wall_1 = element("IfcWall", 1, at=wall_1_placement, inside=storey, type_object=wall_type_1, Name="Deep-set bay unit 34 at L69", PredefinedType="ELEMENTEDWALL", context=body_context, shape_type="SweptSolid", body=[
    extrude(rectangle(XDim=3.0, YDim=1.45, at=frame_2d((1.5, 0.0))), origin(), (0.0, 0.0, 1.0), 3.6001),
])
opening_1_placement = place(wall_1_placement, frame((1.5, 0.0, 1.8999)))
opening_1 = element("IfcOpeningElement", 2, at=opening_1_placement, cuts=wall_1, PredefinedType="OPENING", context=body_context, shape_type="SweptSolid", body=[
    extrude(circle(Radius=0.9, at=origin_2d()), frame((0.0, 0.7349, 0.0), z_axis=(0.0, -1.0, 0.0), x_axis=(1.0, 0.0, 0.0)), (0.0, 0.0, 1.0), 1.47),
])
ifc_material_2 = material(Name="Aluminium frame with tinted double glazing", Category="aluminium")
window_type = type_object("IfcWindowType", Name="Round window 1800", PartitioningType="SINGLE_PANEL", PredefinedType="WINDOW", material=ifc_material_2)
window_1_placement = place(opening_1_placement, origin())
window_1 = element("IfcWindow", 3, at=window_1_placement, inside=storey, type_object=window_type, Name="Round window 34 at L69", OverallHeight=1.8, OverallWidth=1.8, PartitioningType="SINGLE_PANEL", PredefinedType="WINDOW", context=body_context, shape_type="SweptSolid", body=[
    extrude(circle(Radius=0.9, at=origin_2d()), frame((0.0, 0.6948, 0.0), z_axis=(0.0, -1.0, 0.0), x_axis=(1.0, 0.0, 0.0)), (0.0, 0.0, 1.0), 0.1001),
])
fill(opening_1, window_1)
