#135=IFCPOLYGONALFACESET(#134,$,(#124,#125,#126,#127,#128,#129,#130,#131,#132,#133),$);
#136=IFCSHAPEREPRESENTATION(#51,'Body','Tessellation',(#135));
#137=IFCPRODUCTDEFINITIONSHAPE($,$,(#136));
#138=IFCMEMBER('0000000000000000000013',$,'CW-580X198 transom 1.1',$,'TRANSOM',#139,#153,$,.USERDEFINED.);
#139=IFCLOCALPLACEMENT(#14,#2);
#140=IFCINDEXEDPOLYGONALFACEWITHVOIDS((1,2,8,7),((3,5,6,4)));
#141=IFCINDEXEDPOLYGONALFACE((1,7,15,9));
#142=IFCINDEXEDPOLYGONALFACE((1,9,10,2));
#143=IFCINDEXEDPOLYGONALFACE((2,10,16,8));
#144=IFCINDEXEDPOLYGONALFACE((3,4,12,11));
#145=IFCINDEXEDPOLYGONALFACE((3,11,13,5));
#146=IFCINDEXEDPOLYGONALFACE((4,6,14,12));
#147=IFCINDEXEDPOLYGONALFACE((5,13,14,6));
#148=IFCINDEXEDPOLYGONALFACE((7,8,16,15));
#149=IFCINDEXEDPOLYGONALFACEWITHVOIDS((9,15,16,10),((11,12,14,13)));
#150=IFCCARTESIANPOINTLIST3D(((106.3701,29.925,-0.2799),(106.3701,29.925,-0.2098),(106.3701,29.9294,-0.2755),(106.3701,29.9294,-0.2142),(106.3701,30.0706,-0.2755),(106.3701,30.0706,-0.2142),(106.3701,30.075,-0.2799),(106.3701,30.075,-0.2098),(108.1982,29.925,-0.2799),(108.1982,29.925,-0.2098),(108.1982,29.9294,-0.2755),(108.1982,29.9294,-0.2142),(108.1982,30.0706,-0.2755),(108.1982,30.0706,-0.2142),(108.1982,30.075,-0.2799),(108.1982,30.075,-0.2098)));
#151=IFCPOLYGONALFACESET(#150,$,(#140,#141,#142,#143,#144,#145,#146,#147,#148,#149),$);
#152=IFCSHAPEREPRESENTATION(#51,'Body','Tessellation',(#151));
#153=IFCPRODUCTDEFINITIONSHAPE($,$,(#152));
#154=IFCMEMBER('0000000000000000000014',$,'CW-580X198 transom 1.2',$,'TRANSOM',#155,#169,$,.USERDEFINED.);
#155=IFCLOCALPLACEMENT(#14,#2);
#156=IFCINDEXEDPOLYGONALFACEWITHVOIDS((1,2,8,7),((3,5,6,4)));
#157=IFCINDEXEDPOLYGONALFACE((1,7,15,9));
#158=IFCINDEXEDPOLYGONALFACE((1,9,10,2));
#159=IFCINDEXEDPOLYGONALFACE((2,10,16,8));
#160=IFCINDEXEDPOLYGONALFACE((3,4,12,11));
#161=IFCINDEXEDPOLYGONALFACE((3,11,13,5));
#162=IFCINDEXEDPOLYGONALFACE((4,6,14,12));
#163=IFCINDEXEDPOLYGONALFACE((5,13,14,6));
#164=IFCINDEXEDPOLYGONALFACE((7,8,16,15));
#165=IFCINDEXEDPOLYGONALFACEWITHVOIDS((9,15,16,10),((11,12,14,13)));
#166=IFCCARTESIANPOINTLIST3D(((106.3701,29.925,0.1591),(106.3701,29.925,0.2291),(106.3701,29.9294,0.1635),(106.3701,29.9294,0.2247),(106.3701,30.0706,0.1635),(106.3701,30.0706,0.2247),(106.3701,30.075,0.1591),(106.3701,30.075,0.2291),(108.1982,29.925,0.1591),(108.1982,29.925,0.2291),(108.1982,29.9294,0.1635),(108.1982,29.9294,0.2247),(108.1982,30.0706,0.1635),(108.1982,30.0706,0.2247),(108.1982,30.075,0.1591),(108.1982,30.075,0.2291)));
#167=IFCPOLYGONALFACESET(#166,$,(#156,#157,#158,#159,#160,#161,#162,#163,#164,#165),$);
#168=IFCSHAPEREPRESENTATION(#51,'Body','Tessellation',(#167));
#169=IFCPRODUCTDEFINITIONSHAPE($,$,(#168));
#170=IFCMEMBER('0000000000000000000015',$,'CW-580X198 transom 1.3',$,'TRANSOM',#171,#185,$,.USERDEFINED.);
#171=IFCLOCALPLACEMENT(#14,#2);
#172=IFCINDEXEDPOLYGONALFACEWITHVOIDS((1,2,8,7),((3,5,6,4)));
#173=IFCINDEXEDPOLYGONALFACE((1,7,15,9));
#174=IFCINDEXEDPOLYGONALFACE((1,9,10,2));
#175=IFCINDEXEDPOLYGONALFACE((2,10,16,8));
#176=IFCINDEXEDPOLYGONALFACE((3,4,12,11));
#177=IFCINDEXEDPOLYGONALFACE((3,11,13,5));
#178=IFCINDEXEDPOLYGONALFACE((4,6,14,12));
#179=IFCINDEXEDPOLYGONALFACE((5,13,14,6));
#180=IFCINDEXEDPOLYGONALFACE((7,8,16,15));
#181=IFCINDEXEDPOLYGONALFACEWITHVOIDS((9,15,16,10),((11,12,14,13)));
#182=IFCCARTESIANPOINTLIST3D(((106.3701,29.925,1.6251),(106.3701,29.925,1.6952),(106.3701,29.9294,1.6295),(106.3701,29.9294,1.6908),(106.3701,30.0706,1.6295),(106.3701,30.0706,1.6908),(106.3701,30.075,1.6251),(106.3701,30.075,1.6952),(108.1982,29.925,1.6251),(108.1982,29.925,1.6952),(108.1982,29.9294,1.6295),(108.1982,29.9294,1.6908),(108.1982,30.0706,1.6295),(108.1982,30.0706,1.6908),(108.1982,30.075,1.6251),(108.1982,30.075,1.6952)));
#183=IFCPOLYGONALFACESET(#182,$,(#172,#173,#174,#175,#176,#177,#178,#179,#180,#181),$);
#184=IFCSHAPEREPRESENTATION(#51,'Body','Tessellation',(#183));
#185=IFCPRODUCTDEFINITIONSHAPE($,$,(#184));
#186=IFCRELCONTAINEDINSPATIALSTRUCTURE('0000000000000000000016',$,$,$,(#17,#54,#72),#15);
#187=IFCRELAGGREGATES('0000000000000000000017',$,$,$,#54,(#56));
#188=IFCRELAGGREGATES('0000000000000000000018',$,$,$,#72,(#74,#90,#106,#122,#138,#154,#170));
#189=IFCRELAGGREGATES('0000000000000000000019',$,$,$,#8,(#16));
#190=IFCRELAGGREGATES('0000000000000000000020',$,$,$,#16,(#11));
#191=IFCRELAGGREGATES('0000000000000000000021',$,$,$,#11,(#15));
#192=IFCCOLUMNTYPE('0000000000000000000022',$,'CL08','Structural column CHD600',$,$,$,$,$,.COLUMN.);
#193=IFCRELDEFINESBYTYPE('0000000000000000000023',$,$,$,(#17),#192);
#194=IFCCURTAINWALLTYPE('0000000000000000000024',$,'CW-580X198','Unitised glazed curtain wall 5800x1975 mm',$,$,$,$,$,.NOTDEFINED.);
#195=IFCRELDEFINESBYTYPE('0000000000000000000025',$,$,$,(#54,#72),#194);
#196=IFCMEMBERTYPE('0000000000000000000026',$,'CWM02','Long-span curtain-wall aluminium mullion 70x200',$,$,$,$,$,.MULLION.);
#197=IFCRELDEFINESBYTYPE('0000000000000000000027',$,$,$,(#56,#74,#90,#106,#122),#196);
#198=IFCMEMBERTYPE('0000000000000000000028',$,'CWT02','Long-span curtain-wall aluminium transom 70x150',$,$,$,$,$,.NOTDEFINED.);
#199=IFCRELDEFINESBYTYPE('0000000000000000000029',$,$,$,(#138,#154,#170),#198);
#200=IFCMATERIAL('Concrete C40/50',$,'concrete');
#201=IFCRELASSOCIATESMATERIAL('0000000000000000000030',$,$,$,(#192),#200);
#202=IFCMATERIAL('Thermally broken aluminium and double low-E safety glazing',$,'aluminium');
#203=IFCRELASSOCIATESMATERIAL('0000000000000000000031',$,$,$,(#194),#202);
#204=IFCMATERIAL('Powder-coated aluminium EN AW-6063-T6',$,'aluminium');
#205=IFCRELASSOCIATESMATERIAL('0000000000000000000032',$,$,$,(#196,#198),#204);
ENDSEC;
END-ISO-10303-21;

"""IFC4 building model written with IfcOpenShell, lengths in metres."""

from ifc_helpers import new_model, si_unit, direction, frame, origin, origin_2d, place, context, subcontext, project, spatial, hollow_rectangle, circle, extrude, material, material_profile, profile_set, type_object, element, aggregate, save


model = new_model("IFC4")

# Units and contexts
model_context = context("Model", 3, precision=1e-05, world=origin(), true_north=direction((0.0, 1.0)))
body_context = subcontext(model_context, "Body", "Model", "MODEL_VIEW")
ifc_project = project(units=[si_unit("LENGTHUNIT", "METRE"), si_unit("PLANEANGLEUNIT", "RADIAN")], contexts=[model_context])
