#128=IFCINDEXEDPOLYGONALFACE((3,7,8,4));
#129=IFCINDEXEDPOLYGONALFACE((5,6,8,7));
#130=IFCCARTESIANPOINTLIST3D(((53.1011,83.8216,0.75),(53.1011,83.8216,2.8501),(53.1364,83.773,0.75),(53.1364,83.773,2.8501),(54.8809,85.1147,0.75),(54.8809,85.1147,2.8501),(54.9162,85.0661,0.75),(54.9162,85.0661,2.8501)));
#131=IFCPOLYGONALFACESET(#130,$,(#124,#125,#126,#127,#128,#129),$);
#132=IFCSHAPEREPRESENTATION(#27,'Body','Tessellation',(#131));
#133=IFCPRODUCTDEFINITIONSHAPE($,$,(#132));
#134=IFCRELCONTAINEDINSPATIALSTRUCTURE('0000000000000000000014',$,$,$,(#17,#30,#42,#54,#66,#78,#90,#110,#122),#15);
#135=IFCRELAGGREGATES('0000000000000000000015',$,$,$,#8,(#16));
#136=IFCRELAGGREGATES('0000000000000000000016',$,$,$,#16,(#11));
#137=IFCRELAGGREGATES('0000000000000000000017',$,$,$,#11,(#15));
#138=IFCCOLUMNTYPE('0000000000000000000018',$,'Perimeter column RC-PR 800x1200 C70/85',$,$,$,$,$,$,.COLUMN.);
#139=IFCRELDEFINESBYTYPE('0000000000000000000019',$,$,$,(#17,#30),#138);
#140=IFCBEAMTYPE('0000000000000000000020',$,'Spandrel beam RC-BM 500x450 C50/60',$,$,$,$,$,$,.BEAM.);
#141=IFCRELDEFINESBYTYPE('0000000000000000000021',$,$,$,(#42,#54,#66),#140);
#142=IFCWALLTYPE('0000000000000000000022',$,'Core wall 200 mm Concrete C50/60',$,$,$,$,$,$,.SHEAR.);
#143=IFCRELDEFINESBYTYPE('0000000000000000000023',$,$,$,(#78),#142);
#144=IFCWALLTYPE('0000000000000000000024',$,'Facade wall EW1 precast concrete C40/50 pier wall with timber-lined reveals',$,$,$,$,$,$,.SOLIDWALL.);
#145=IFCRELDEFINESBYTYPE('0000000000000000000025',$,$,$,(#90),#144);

=-=-=-=-=

■ TRY IT ■
Write the opening line of the data above and every line after it, exactly, stopping once you have written the line with "frame with tinted".

■ OUTPUT BELOW ■
wall_1 = element("IfcWall", 1, at=wall_1_placement, inside=storey, type_object=wall_type_1, Name="Deep-set bay unit 34 at L69", PredefinedType="ELEMENTEDWALL", context=body_context, shape_type="SweptSolid", body=[
    extrude(rectangle(XDim=3.0, YDim=1.45, at=frame_2d((1.5, 0.0))), origin(), (0.0, 0.0, 1.0), 3.6001),
])
opening_1_placement = place(wall_1_placement, frame((1.5, 0.0, 1.8999)))
opening_1 = element("IfcOpeningElement", 2, at=opening_1_placement, cuts=wall_1, PredefinedType="OPENING", context=body_context, shape_type="SweptSolid", body=[
    extrude(circle(Radius=0.9, at=origin_2d()), frame((0.0, 0.7349, 0.0), z_axis=(0.0, -1.0, 0.0), x_axis=(1.0, 0.0, 0.0)), (0.0, 0.0, 1.0), 1.47),
])
ifc_material_2 = material(Name="Aluminium frame with tinted double glazing", Category="aluminium")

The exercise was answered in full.